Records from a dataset
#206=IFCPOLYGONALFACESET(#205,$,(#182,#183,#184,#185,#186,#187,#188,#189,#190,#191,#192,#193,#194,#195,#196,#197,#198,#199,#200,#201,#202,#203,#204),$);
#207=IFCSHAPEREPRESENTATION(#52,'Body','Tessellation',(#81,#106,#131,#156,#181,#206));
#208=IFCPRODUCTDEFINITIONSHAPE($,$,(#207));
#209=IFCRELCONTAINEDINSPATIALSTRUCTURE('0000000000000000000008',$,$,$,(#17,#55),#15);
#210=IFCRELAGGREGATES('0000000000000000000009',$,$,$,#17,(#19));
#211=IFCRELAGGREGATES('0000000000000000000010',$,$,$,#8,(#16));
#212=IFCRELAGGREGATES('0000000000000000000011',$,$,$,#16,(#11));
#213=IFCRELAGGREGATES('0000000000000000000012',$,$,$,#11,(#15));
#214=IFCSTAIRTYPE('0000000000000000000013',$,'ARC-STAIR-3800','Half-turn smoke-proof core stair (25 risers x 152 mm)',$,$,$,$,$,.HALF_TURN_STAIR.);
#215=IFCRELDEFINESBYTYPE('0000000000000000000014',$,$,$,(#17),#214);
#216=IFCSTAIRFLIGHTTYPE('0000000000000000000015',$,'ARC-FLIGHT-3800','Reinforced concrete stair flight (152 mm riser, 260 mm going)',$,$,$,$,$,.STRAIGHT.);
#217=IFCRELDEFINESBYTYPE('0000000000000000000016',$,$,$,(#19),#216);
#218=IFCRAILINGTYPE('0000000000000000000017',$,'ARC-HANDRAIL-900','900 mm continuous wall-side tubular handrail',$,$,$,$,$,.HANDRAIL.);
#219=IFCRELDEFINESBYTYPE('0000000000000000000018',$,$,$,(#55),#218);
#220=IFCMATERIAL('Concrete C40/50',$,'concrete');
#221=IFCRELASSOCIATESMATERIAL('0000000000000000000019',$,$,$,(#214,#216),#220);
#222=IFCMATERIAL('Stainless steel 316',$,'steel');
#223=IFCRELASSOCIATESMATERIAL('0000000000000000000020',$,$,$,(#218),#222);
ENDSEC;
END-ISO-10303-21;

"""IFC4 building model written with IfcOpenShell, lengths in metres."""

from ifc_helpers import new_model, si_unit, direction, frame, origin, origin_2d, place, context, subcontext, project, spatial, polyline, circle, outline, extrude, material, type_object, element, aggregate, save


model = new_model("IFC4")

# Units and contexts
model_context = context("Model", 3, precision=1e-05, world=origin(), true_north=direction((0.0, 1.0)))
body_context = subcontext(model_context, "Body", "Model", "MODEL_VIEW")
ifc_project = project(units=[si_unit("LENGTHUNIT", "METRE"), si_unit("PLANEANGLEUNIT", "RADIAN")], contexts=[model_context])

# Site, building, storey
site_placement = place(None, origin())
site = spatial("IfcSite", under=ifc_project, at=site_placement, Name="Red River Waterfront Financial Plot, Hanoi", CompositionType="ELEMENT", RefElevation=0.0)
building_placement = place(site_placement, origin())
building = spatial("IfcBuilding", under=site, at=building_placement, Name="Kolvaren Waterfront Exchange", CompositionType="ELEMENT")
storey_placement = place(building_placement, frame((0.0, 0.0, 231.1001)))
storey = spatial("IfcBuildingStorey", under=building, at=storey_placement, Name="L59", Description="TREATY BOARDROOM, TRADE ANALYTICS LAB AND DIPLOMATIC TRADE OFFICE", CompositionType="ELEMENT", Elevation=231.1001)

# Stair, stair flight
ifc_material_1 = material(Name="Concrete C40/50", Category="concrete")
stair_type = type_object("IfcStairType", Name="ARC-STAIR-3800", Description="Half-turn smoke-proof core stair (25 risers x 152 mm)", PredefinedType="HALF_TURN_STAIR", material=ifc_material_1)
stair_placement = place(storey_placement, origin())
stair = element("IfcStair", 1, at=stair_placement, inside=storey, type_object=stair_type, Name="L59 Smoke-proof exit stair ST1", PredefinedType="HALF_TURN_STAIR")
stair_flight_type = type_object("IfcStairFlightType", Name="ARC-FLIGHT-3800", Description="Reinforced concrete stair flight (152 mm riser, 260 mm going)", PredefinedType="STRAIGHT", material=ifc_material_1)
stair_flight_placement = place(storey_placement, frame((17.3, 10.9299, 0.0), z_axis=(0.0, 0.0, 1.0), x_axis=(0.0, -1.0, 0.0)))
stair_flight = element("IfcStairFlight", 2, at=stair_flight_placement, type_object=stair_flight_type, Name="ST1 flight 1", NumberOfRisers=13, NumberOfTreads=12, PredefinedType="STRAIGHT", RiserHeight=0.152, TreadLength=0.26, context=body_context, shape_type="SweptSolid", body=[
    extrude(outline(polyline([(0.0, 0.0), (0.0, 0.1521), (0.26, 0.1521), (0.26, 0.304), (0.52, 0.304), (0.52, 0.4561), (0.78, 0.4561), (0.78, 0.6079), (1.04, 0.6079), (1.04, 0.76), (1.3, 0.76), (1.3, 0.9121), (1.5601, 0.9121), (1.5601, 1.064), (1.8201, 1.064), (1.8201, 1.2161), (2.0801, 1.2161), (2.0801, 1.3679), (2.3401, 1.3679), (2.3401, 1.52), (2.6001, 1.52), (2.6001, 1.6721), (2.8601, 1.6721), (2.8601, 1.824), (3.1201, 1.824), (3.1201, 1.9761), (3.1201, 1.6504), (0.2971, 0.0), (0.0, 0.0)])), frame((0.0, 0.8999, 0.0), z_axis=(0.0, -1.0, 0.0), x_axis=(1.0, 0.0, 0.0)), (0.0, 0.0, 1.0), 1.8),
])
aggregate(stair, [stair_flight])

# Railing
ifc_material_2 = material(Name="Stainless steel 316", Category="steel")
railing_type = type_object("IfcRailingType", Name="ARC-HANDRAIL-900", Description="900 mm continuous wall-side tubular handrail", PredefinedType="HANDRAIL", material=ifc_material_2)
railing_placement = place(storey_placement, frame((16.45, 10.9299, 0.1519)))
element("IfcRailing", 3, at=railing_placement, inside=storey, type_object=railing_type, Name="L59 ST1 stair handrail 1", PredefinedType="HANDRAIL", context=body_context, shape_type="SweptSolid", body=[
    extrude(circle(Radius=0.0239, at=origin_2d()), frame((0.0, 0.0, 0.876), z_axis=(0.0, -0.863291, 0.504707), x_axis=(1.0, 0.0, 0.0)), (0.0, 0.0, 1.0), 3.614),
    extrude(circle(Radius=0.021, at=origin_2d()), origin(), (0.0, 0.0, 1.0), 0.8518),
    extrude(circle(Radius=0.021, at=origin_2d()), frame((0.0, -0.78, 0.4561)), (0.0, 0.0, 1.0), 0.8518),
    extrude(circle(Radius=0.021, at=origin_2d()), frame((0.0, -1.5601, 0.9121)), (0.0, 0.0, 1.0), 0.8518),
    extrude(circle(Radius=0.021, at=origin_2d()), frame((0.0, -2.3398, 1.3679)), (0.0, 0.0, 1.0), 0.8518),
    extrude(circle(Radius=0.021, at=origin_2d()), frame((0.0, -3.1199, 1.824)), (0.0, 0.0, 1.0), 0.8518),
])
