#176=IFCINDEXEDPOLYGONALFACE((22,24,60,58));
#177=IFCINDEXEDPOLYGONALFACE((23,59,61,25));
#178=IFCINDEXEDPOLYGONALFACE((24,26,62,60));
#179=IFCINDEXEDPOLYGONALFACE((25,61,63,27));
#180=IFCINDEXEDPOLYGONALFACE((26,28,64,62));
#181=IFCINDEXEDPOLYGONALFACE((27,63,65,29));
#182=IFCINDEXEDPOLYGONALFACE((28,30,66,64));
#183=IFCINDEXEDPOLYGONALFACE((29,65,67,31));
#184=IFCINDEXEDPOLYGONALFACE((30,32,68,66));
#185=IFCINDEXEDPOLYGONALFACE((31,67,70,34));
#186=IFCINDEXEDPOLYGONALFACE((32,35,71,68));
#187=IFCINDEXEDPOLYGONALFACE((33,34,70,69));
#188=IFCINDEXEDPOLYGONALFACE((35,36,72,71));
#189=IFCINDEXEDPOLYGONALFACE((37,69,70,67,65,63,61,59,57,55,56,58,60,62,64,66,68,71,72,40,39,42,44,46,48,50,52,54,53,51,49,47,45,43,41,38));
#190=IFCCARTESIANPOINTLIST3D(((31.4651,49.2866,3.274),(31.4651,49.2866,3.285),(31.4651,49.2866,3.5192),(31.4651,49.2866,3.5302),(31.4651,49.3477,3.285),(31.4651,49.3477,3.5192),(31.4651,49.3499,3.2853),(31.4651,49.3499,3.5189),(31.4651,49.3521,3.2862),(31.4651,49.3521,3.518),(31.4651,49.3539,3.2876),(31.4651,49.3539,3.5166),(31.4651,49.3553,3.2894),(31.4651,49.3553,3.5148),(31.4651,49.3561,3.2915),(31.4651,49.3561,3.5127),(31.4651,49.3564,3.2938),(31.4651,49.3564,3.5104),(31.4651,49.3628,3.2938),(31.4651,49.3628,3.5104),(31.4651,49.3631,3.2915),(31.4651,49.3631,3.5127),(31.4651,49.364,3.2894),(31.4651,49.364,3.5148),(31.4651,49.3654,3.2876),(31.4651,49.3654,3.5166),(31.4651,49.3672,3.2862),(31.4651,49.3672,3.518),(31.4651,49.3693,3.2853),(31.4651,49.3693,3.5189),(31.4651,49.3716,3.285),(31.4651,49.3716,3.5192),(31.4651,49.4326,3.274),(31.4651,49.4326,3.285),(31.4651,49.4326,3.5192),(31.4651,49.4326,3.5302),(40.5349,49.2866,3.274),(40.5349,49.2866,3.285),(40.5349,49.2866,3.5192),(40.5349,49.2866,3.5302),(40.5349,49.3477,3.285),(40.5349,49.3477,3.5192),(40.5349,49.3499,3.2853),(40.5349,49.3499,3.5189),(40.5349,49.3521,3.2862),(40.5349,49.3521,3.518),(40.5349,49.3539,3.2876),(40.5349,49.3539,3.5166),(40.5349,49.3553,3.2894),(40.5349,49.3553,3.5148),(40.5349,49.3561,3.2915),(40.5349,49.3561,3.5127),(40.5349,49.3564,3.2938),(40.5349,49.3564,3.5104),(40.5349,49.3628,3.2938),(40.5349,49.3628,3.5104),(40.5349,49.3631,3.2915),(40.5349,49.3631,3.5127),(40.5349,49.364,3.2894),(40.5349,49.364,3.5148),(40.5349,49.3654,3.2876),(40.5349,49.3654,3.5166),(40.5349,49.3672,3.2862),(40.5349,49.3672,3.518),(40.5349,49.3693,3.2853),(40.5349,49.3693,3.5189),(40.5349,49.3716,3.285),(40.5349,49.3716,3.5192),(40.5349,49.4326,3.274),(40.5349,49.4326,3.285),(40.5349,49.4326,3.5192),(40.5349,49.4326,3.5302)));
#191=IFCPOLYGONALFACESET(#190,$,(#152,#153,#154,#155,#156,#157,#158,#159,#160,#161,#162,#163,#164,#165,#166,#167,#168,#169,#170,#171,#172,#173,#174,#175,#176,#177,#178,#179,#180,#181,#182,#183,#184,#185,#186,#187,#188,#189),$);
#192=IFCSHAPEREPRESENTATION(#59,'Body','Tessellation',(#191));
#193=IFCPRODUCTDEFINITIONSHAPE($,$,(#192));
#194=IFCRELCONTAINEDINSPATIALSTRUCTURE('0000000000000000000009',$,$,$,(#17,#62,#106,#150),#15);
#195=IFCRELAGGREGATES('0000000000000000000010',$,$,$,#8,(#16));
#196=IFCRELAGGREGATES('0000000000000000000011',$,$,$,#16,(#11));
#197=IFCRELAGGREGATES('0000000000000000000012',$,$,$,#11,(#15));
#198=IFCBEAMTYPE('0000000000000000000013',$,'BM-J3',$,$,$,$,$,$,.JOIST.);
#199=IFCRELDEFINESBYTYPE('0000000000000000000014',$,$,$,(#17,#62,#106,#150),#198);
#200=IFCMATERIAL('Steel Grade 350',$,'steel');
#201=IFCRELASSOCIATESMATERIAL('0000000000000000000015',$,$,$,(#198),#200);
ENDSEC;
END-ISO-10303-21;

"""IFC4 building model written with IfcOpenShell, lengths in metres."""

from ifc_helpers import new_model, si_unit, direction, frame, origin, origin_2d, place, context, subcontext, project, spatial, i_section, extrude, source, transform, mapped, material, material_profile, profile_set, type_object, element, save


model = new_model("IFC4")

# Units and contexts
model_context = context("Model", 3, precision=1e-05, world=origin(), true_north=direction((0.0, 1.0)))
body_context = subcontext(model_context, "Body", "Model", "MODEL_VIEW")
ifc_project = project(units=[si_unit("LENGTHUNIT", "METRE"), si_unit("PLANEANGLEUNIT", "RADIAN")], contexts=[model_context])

REQUIREMENT
Above are the entries; repeat their lines exactly, from the first through the one that contains "#213=IFCRELAGGREGATES('0000000000000000000012',$,$,$,#11,(#15));".

SOLVED PROBLEM
#206=IFCPOLYGONALFACESET(#205,$,(#182,#183,#184,#185,#186,#187,#188,#189,#190,#191,#192,#193,#194,#195,#196,#197,#198,#199,#200,#201,#202,#203,#204),$);
#207=IFCSHAPEREPRESENTATION(#52,'Body','Tessellation',(#81,#106,#131,#156,#181,#206));
#208=IFCPRODUCTDEFINITIONSHAPE($,$,(#207));
#209=IFCRELCONTAINEDINSPATIALSTRUCTURE('0000000000000000000008',$,$,$,(#17,#55),#15);
#210=IFCRELAGGREGATES('0000000000000000000009',$,$,$,#17,(#19));
#211=IFCRELAGGREGATES('0000000000000000000010',$,$,$,#8,(#16));
#212=IFCRELAGGREGATES('0000000000000000000011',$,$,$,#16,(#11));
#213=IFCRELAGGREGATES('0000000000000000000012',$,$,$,#11,(#15));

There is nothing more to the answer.